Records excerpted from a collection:
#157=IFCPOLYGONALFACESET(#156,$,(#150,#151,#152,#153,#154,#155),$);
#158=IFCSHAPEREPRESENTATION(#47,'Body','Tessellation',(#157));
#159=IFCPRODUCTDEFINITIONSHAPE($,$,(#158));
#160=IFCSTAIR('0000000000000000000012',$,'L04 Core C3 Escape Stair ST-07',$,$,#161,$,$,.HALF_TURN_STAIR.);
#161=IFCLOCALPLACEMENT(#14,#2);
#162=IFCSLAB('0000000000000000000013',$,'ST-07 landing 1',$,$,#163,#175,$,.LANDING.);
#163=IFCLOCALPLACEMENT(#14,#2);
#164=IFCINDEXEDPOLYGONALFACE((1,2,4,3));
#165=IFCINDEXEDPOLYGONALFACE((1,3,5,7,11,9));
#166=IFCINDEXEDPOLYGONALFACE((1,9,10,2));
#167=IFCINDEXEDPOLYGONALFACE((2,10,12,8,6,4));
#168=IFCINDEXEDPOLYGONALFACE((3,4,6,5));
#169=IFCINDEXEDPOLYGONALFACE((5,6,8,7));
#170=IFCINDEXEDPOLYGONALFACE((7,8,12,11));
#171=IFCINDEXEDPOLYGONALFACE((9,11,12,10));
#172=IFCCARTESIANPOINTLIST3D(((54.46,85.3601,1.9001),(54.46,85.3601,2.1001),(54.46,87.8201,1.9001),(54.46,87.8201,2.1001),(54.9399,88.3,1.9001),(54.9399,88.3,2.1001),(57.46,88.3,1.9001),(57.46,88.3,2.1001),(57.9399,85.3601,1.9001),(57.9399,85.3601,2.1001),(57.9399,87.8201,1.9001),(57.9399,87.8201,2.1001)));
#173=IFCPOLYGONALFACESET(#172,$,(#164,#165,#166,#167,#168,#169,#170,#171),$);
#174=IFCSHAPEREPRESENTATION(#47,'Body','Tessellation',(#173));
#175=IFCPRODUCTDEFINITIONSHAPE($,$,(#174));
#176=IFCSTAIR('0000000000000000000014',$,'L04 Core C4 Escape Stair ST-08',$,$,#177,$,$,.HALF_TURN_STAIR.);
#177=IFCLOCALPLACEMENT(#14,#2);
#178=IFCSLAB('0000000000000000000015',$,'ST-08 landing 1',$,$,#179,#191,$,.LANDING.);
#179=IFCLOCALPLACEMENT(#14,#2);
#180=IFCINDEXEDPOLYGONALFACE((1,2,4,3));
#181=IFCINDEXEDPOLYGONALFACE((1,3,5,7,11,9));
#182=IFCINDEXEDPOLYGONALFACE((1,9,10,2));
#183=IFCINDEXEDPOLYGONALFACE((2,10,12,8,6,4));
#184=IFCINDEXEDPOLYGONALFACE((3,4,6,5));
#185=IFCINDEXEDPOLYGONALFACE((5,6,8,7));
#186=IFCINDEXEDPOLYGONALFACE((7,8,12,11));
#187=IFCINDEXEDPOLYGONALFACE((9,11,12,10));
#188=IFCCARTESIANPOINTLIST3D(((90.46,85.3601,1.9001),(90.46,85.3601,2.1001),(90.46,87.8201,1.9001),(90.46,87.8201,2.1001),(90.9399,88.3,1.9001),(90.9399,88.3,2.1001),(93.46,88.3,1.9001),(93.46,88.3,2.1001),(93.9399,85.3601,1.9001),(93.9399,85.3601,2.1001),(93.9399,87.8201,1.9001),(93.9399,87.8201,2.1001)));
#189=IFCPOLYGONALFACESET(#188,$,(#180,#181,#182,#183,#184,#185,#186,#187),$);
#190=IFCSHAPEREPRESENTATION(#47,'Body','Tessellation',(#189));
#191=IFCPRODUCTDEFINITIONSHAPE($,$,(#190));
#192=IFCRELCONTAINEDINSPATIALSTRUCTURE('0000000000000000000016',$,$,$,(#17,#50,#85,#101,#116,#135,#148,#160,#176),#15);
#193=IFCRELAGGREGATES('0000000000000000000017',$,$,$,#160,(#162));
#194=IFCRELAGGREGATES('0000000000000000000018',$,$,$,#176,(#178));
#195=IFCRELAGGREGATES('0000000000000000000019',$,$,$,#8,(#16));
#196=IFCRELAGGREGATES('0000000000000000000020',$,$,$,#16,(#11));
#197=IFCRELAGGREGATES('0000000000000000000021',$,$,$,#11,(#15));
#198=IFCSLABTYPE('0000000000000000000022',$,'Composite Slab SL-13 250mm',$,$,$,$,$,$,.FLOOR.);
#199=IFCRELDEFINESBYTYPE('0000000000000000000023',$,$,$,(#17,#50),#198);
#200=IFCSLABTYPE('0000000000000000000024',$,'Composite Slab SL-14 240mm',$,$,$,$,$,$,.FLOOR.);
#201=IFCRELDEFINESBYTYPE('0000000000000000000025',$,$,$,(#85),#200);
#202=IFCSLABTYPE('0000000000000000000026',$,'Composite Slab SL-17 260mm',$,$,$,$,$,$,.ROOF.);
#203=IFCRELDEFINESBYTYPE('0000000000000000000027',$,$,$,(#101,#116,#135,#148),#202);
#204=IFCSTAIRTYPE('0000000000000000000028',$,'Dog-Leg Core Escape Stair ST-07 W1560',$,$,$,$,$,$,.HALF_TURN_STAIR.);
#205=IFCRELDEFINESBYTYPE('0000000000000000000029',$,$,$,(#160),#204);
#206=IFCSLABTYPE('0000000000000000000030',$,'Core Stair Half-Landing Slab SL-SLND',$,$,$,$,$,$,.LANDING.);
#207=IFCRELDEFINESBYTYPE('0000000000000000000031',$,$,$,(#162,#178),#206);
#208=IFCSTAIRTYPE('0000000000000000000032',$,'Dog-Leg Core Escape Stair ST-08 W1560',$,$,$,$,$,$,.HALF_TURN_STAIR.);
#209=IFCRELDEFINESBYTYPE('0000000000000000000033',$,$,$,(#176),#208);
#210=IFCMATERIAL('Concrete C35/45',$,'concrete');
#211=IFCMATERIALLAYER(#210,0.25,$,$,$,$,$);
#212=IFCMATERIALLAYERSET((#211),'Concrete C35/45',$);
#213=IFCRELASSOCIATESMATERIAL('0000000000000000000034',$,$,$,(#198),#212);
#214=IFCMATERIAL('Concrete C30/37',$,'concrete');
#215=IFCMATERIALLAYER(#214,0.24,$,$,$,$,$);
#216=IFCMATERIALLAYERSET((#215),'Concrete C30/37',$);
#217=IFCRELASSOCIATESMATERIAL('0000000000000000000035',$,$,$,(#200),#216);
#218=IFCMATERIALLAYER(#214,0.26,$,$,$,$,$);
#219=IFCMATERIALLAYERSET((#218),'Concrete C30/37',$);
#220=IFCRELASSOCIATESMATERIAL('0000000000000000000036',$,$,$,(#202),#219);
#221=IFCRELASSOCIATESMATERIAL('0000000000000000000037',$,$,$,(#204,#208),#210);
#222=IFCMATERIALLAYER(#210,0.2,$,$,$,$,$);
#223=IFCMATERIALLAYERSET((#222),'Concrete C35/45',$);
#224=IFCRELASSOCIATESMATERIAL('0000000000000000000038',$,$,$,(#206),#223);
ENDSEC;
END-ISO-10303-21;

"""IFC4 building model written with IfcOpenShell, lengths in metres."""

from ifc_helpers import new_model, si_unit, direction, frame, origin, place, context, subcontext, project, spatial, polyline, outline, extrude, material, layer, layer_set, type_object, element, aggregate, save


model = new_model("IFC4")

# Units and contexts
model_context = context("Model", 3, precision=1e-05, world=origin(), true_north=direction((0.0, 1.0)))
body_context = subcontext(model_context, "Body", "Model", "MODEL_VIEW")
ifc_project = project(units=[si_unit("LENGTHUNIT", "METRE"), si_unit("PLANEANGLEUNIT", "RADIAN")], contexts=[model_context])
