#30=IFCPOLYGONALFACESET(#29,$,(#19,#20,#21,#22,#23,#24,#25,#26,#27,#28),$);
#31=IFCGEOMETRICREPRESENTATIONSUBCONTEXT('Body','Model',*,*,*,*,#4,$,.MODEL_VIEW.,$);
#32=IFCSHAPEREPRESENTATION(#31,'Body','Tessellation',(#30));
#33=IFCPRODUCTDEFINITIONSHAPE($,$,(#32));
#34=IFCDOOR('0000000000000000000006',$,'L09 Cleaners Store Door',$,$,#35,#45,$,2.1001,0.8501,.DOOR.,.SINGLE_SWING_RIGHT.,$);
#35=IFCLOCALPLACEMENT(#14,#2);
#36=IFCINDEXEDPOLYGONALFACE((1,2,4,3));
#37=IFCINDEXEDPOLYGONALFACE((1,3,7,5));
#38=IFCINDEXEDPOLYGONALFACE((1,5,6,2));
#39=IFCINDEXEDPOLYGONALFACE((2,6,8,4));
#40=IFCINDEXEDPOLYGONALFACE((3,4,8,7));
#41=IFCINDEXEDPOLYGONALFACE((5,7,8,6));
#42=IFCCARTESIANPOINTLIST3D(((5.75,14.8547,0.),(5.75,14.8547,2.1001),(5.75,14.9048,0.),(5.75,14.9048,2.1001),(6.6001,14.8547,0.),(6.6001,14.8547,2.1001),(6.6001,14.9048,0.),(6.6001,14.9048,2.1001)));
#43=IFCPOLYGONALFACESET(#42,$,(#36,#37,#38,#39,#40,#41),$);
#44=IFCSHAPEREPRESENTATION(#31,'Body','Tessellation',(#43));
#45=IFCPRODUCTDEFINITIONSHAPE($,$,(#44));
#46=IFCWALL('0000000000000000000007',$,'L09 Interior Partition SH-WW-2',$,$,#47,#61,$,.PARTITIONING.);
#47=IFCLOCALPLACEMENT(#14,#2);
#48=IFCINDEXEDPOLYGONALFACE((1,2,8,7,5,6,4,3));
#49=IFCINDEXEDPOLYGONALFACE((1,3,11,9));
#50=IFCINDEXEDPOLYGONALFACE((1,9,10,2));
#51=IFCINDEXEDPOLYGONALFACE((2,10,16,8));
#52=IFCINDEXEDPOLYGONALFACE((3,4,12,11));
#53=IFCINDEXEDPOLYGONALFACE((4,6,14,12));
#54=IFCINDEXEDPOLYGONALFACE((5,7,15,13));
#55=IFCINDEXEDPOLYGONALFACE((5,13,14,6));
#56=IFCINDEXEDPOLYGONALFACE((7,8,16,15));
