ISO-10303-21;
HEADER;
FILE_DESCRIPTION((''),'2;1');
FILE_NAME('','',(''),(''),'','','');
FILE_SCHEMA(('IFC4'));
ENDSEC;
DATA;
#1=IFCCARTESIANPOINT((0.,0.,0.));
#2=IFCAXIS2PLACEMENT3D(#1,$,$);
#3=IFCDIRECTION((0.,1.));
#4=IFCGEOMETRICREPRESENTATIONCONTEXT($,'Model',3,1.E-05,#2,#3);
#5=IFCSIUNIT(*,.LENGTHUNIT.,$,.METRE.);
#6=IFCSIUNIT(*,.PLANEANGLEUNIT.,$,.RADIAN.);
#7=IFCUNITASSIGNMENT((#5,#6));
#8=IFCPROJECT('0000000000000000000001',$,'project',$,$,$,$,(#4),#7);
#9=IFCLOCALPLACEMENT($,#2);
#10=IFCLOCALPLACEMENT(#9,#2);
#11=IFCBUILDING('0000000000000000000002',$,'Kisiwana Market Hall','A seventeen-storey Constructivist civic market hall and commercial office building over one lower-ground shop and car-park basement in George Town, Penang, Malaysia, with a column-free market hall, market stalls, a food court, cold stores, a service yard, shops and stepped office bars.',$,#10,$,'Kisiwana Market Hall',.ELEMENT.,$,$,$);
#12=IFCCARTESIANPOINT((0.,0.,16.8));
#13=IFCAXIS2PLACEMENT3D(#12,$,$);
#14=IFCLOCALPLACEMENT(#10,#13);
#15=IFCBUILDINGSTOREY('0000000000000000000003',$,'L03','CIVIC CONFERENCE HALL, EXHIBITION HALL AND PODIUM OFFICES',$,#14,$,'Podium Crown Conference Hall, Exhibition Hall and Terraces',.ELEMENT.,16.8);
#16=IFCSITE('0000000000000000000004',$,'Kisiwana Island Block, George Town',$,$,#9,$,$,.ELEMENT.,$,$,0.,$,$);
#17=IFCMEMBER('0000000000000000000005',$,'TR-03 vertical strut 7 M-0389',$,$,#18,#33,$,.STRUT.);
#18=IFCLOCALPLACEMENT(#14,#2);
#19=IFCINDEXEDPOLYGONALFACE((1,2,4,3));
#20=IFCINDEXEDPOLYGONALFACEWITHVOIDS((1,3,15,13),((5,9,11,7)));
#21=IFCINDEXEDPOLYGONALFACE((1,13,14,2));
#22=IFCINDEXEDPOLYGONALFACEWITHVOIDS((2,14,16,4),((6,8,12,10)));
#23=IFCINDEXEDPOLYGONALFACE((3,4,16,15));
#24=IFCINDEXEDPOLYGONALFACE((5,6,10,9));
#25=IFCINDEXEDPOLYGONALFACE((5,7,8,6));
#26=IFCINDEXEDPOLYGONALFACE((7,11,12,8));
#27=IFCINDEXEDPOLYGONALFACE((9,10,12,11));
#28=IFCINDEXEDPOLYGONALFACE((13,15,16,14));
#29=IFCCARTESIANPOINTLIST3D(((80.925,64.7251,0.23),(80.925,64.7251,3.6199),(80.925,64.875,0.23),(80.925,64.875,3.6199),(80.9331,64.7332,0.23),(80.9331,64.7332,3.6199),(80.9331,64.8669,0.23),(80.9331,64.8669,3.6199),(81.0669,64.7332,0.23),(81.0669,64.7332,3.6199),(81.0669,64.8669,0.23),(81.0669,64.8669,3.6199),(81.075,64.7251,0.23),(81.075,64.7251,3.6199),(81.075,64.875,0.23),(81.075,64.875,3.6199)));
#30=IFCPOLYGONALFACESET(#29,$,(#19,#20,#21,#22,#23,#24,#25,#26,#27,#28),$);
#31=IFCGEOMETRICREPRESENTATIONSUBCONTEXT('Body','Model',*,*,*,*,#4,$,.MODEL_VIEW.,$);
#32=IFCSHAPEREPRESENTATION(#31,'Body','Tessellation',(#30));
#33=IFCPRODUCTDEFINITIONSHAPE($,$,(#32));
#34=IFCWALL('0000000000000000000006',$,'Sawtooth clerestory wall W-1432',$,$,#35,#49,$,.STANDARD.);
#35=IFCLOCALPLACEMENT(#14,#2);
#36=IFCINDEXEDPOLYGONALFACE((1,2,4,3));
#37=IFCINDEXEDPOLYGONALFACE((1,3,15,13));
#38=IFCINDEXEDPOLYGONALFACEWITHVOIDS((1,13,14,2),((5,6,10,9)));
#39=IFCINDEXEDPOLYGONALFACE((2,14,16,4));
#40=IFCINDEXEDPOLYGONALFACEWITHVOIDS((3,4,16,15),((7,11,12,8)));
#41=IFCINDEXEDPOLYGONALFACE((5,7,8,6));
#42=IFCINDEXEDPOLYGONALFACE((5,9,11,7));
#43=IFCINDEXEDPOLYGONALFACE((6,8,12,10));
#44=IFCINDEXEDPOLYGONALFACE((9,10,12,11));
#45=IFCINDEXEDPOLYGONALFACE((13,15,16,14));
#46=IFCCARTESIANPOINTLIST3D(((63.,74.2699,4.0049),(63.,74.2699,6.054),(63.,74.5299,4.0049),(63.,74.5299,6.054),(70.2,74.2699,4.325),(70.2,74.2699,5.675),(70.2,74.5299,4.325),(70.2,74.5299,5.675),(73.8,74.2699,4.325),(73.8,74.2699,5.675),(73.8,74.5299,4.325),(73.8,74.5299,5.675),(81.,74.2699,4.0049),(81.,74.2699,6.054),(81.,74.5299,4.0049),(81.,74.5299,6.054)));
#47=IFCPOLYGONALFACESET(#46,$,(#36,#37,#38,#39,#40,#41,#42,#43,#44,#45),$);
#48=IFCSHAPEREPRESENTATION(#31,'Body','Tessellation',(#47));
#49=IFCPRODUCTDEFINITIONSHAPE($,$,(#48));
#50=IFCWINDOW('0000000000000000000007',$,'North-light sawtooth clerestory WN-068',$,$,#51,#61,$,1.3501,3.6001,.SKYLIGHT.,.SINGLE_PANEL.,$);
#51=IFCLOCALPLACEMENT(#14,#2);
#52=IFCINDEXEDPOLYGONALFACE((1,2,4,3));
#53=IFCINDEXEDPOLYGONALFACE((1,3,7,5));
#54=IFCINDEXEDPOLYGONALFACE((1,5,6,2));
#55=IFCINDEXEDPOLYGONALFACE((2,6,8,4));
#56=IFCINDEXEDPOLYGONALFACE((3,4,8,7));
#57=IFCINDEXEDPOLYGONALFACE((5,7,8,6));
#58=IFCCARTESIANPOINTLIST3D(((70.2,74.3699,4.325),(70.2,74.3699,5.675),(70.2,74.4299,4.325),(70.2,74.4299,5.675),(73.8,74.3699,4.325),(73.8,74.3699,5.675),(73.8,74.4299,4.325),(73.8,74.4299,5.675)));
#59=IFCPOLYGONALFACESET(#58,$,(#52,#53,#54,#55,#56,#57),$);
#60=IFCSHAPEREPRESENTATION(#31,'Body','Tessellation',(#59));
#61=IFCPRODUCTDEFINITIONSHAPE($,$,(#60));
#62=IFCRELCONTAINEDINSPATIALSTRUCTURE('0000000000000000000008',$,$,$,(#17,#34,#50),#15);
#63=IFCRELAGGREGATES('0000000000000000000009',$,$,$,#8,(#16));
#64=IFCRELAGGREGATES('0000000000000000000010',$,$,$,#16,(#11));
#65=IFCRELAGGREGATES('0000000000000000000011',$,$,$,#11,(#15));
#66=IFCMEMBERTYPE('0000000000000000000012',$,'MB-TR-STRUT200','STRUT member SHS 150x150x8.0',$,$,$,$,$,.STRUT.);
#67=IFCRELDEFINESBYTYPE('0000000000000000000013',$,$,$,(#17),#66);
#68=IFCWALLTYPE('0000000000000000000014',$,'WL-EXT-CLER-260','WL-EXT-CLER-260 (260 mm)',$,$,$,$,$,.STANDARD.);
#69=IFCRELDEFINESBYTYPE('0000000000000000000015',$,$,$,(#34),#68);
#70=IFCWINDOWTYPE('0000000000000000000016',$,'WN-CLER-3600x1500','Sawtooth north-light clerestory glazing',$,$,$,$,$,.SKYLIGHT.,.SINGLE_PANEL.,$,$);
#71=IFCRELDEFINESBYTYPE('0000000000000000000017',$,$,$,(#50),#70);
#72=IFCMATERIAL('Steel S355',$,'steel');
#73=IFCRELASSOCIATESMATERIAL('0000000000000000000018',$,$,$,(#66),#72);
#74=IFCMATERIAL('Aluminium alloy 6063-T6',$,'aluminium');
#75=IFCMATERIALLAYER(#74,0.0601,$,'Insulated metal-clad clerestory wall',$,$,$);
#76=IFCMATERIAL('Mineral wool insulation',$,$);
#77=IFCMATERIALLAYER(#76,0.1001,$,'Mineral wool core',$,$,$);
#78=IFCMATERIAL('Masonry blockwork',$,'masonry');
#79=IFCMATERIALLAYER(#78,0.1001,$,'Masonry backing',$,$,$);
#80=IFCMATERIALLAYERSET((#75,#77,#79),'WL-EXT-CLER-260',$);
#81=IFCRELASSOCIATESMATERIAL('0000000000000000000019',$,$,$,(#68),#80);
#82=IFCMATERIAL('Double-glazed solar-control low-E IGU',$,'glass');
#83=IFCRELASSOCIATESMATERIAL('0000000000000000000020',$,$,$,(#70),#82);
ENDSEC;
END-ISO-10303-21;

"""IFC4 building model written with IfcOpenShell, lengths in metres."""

from ifc_helpers import new_model, si_unit, direction, frame, frame_2d, origin, origin_2d, place, context, subcontext, project, spatial, rectangle, hollow_rectangle, extrude, material, layer, layer_set, material_profile, profile_set, type_object, element, fill, save


model = new_model("IFC4")

# Units and contexts
model_context = context("Model", 3, precision=1e-05, world=origin(), true_north=direction((0.0, 1.0)))
body_context = subcontext(model_context, "Body", "Model", "MODEL_VIEW")
ifc_project = project(units=[si_unit("LENGTHUNIT", "METRE"), si_unit("PLANEANGLEUNIT", "RADIAN")], contexts=[model_context])

# Site, building, storey
site_placement = place(None, origin())
site = spatial("IfcSite", under=ifc_project, at=site_placement, Name="Kisiwana Island Block, George Town", CompositionType="ELEMENT", RefElevation=0.0)
building_placement = place(site_placement, origin())
building = spatial("IfcBuilding", under=site, at=building_placement, Name="Kisiwana Market Hall", Description="A seventeen-storey Constructivist civic market hall and commercial office building over one lower-ground shop and car-park basement in George Town, Penang, Malaysia, with a column-free market hall, market stalls, a food court, cold stores, a service yard, shops and stepped office bars.", LongName="Kisiwana Market Hall", CompositionType="ELEMENT")
storey_placement = place(building_placement, frame((0.0, 0.0, 16.8)))
storey = spatial("IfcBuildingStorey", under=building, at=storey_placement, Name="L03", Description="CIVIC CONFERENCE HALL, EXHIBITION HALL AND PODIUM OFFICES", LongName="Podium Crown Conference Hall, Exhibition Hall and Terraces", CompositionType="ELEMENT", Elevation=16.8)

# Member
ifc_material_1 = material(Name="Steel S355", Category="steel")
ifc_material_profile_1 = material_profile(ifc_material_1, hollow_rectangle(XDim=0.1499, YDim=0.1499, WallThickness=0.0081, at=origin_2d()), Name="SHS 150x150x8.0")
ifc_profile_set_1 = profile_set([ifc_material_profile_1], Name="Steel S355")
member_type_1 = type_object("IfcMemberType", Name="MB-TR-STRUT200", Description="STRUT member SHS 150x150x8.0", PredefinedType="STRUT", material=ifc_profile_set_1)
for number, where, z_axis, x_axis, name in (
    (1, (81.0, 64.8, 0.23), (0.0, 0.0, 1.0), (1.0, 0.0, 0.0), "TR-03 vertical strut 7 M-0389"),
):
    element("IfcMember", number, at=place(storey_placement, frame(where, z_axis=z_axis, x_axis=x_axis)), inside=storey, type_object=member_type_1, Name=name, PredefinedType="STRUT", context=body_context, shape_type="SweptSolid", body=[
        extrude(hollow_rectangle(XDim=0.1499, YDim=0.1499, WallThickness=0.0081, at=origin_2d()), origin(), (0.0, 0.0, 1.0), 3.3899),
    ])

# Wall, opening, window
ifc_material_2 = material(Name="Aluminium alloy 6063-T6", Category="aluminium")
ifc_layer_1 = layer(ifc_material_2, 0.0601, Name="Insulated metal-clad clerestory wall")
ifc_material_3 = material(Name="Mineral wool insulation")
ifc_layer_2 = layer(ifc_material_3, 0.1001, Name="Mineral wool core")
ifc_material_4 = material(Name="Masonry blockwork", Category="masonry")
ifc_layer_3 = layer(ifc_material_4, 0.1001, Name="Masonry backing")
ifc_layer_set = layer_set([ifc_layer_1, ifc_layer_2, ifc_layer_3], Name="WL-EXT-CLER-260")
wall_type = type_object("IfcWallType", Name="WL-EXT-CLER-260", Description="WL-EXT-CLER-260 (260 mm)", PredefinedType="STANDARD", material=ifc_layer_set)
wall_placement = place(storey_placement, frame((63.0, 74.3999, 4.0049), z_axis=(0.0, 0.0, 1.0), x_axis=(1.0, 0.0, 0.0)))
wall = element("IfcWall", 2, at=wall_placement, inside=storey, type_object=wall_type, Name="Sawtooth clerestory wall W-1432", PredefinedType="STANDARD", context=body_context, shape_type="SweptSolid", body=[
    extrude(rectangle(XDim=18.0, YDim=0.26, at=frame_2d((9.0, 0.0))), origin(), (0.0, 0.0, 1.0), 2.0491),
])
opening_placement = place(wall_placement, frame((7.2, 0.0, 0.3201)))
opening = element("IfcOpeningElement", 3, at=opening_placement, cuts=wall, PredefinedType="OPENING", context=body_context, shape_type="SweptSolid", body=[
    extrude(rectangle(XDim=3.6001, YDim=1.3501, at=frame_2d((1.8, 0.675))), frame((0.0, 0.1421, 0.0), z_axis=(0.0, -1.0, 0.0), x_axis=(1.0, 0.0, 0.0)), (0.0, 0.0, 1.0), 0.2839),
])
ifc_material_5 = material(Name="Double-glazed solar-control low-E IGU", Category="glass")
window_type = type_object("IfcWindowType", Name="WN-CLER-3600x1500", Description="Sawtooth north-light clerestory glazing", PartitioningType="SINGLE_PANEL", PredefinedType="SKYLIGHT", material=ifc_material_5)
window_placement = place(opening_placement, origin())
window = element("IfcWindow", 4, at=window_placement, inside=storey, type_object=window_type, Name="North-light sawtooth clerestory WN-068", OverallHeight=1.3501, OverallWidth=3.6001, PartitioningType="SINGLE_PANEL", PredefinedType="SKYLIGHT", context=body_context, shape_type="SweptSolid", body=[
    extrude(rectangle(XDim=3.6001, YDim=1.3501, at=frame_2d((1.8, 0.675))), frame((0.0, 0.03, 0.0), z_axis=(0.0, -1.0, 0.0), x_axis=(1.0, 0.0, 0.0)), (0.0, 0.0, 1.0), 0.0601),
])
fill(opening, window)

save(model, "model.ifc")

PROBLEM REQUIREMENTS:
Bring together all lines of the entries above in which the string "Composite" occurs.

ANSWER TO THIS PROBLEM:
#198=IFCSLABTYPE('0000000000000000000022',$,'Composite Slab SL-13 250mm',$,$,$,$,$,$,.FLOOR.);
#200=IFCSLABTYPE('0000000000000000000024',$,'Composite Slab SL-14 240mm',$,$,$,$,$,$,.FLOOR.);
#202=IFCSLABTYPE('0000000000000000000026',$,'Composite Slab SL-17 260mm',$,$,$,$,$,$,.ROOF.);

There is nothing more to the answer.